● **Entries provided**:

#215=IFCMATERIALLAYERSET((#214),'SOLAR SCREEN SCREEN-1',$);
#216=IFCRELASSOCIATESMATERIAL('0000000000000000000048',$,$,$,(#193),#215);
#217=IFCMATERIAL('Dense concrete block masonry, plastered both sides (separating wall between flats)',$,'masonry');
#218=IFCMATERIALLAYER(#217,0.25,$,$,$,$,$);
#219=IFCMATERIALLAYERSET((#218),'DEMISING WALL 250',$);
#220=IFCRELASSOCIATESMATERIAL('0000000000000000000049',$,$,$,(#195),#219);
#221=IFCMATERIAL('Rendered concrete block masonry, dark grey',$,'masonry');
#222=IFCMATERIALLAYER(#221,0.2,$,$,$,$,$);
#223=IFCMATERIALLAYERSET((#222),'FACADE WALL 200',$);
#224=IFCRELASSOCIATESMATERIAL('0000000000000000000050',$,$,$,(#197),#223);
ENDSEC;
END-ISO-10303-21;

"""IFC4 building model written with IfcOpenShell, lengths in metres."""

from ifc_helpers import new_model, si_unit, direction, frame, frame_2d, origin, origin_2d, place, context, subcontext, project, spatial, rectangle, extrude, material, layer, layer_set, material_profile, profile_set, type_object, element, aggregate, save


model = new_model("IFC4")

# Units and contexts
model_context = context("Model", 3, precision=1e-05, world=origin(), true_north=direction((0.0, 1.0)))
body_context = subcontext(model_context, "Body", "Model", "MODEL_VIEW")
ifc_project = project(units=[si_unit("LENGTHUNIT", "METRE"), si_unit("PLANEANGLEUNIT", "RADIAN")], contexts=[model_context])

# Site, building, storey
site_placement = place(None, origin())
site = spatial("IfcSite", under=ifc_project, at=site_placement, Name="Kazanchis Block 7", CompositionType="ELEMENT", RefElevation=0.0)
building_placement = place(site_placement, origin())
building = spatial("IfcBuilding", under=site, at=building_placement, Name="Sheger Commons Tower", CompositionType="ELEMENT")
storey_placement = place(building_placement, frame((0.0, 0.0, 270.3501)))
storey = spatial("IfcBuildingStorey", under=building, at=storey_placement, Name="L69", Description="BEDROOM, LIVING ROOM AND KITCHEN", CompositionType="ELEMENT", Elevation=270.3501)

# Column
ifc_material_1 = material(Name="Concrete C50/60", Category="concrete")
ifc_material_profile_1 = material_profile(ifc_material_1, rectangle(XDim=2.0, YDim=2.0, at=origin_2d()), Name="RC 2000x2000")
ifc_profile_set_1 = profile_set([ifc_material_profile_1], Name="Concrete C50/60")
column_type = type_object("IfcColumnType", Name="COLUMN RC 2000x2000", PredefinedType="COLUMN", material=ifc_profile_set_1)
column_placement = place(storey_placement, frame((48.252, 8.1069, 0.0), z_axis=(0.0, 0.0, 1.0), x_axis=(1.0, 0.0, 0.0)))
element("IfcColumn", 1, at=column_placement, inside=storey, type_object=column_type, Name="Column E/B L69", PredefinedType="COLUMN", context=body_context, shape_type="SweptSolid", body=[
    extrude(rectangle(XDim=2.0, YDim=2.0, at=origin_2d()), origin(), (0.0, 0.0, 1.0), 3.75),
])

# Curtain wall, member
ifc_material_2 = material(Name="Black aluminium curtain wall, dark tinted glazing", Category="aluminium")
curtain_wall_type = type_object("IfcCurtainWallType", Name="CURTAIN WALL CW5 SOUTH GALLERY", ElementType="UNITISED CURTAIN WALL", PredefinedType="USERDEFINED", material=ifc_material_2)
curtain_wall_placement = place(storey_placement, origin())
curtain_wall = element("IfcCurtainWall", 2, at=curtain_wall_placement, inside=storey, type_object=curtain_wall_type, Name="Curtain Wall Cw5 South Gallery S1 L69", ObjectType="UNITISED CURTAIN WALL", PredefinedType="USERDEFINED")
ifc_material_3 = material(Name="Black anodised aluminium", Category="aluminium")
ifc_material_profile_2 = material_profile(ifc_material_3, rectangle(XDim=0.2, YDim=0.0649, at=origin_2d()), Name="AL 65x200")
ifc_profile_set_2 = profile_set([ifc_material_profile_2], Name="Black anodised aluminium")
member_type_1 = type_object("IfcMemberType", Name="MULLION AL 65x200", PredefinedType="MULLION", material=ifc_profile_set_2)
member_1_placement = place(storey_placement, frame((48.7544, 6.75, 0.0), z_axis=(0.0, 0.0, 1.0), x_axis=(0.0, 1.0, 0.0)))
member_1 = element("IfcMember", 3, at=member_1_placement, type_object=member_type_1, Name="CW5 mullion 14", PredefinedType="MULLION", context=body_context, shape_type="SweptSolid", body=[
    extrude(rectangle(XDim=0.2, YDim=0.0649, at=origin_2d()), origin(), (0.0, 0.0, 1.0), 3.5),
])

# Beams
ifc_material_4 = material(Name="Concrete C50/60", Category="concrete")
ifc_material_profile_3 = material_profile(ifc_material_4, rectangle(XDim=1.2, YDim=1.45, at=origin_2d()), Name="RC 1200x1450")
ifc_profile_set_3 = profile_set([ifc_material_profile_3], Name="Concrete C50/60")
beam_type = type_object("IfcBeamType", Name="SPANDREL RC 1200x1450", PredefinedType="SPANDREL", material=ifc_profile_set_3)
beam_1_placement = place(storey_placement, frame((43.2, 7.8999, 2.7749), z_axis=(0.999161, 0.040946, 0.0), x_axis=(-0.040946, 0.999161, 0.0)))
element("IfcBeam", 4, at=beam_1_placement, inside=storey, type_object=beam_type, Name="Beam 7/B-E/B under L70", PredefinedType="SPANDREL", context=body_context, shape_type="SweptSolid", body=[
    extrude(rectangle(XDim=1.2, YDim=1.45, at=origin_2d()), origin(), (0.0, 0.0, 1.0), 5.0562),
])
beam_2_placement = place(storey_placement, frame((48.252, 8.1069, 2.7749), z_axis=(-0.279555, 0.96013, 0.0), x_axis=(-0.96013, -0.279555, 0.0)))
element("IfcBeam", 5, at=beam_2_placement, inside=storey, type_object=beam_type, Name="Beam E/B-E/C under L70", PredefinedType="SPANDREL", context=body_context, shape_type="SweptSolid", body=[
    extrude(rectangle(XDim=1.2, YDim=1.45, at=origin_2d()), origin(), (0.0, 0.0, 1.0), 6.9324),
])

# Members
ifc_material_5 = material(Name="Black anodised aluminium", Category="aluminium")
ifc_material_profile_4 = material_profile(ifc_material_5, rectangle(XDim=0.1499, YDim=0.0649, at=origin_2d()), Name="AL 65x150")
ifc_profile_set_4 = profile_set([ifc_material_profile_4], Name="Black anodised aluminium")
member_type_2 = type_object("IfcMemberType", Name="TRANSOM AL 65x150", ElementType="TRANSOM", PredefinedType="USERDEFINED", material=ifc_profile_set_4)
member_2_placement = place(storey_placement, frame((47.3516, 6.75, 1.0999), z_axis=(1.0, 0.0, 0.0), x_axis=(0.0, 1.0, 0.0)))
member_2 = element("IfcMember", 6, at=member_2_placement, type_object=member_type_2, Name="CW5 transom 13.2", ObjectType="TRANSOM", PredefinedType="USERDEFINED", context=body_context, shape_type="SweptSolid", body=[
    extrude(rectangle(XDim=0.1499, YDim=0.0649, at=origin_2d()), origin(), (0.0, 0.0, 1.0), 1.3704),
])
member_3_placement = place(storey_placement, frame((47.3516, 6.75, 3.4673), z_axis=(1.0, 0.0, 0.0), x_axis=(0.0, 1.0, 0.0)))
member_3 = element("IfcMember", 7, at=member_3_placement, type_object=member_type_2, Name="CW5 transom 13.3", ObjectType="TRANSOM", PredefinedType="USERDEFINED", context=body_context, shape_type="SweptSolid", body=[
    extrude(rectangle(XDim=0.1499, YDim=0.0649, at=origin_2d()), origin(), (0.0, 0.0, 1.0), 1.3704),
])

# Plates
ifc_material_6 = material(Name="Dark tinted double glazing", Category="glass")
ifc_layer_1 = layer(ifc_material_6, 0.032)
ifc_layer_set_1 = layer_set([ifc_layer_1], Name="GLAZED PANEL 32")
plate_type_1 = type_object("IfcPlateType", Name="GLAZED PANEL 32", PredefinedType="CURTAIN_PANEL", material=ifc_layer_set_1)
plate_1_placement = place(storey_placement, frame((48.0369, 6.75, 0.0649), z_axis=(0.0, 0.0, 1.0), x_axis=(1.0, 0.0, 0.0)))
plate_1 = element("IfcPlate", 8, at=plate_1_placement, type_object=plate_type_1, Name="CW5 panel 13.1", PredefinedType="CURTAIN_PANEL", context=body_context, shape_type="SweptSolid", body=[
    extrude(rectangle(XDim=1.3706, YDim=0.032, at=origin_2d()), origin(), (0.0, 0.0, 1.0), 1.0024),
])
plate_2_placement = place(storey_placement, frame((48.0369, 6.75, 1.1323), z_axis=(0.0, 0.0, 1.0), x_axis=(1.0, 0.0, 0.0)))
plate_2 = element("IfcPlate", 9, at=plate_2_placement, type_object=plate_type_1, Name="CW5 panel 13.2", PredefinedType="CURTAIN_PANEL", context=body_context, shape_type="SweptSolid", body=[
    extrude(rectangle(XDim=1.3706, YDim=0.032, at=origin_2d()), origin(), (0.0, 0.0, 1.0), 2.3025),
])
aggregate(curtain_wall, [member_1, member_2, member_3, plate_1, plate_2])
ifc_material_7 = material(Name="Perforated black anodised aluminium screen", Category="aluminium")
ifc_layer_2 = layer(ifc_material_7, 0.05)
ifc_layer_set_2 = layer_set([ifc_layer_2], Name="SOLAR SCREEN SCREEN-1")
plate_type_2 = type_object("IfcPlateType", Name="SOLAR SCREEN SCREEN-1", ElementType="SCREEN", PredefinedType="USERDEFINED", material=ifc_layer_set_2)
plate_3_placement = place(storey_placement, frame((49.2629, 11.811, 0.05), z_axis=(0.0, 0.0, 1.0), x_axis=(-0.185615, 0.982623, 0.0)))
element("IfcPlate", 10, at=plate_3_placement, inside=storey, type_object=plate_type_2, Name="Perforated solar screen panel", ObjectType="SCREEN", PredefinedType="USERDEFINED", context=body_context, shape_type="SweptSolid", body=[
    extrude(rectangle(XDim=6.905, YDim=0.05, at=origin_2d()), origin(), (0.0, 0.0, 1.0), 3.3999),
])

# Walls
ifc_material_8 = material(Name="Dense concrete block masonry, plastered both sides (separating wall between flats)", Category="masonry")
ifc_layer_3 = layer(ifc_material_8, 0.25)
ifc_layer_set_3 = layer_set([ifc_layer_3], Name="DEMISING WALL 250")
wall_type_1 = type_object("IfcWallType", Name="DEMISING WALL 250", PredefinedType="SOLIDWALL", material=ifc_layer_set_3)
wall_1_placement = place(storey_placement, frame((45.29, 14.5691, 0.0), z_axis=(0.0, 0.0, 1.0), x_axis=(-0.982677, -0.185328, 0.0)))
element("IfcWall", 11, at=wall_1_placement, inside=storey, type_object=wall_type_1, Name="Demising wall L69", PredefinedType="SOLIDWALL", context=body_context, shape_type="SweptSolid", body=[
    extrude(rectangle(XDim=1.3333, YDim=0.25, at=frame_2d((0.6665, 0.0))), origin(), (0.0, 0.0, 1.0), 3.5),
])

● **What you should do**: Some lines of the records above contain the word "plastered". How many are there? Reply with the number alone.

● **Exercise answer**: 2